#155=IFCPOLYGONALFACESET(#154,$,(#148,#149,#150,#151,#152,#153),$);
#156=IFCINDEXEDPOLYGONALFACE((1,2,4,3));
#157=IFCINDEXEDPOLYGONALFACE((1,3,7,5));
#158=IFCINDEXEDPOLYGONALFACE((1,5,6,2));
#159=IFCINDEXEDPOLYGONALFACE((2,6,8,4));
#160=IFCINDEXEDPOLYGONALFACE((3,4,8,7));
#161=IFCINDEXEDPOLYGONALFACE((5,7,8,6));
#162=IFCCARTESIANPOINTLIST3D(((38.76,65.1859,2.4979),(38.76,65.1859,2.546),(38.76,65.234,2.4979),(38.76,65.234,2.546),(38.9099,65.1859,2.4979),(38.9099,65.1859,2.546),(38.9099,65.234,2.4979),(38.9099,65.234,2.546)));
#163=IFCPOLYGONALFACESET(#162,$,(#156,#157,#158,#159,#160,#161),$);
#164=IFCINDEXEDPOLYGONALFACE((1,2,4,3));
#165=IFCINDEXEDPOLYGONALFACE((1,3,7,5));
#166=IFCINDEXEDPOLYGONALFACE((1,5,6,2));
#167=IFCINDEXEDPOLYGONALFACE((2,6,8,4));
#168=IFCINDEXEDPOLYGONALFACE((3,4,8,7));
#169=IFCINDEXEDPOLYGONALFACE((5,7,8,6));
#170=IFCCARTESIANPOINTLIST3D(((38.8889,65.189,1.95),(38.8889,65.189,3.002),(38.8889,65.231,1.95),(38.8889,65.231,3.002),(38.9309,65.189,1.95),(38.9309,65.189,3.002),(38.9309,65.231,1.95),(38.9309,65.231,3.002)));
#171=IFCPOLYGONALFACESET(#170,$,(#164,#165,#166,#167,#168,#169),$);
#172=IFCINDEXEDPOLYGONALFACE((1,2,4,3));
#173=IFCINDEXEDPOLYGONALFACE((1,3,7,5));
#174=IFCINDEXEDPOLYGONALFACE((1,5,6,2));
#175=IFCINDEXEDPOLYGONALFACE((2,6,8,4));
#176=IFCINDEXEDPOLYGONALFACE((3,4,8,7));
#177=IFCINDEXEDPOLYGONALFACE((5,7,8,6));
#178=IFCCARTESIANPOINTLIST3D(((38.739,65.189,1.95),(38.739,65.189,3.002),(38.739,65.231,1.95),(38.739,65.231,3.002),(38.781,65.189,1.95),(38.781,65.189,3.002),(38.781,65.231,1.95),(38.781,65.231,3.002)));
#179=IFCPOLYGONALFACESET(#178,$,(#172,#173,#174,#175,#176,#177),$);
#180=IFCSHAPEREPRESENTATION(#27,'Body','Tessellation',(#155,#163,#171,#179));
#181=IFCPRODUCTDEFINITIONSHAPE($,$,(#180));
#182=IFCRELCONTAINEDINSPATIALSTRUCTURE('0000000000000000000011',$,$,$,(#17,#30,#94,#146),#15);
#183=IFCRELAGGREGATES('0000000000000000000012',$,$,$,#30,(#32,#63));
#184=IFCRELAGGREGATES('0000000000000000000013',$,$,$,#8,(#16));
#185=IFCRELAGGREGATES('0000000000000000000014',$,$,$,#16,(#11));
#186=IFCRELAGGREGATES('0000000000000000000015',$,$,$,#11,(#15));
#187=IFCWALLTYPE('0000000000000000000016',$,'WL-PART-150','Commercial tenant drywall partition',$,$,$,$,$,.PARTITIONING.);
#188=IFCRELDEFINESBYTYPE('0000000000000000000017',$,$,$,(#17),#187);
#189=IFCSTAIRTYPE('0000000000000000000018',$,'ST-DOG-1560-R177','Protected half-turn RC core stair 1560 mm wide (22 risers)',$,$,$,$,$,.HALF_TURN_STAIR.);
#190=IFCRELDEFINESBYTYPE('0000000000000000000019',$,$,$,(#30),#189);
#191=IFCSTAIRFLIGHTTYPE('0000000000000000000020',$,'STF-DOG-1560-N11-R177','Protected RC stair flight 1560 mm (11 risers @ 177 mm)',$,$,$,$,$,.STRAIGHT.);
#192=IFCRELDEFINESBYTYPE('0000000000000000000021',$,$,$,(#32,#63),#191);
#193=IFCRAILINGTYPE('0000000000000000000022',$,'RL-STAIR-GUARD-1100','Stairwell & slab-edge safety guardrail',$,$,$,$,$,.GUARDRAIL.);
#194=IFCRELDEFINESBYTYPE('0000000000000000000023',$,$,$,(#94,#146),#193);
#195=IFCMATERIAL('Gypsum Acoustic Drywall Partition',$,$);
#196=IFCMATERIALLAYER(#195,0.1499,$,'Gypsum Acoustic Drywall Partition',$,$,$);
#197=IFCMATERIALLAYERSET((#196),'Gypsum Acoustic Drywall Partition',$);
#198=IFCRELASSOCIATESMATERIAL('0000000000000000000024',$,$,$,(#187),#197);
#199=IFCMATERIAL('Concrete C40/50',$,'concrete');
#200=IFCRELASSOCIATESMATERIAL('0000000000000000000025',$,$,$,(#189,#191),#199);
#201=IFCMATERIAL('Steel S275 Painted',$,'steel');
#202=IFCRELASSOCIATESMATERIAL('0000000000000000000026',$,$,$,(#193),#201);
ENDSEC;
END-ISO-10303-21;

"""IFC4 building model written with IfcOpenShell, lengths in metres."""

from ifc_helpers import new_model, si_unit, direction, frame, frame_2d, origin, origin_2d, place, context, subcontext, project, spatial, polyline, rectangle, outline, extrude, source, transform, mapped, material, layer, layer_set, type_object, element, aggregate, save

====================

◆ PROBLEM TO SOLVE: Look through the entries above, and wherever a line holds the string "Acoustic", copy it.

◆ REPLY TO THE EXERCISE:
#195=IFCMATERIAL('Gypsum Acoustic Drywall Partition',$,$);
#196=IFCMATERIALLAYER(#195,0.1499,$,'Gypsum Acoustic Drywall Partition',$,$,$);
#197=IFCMATERIALLAYERSET((#196),'Gypsum Acoustic Drywall Partition',$);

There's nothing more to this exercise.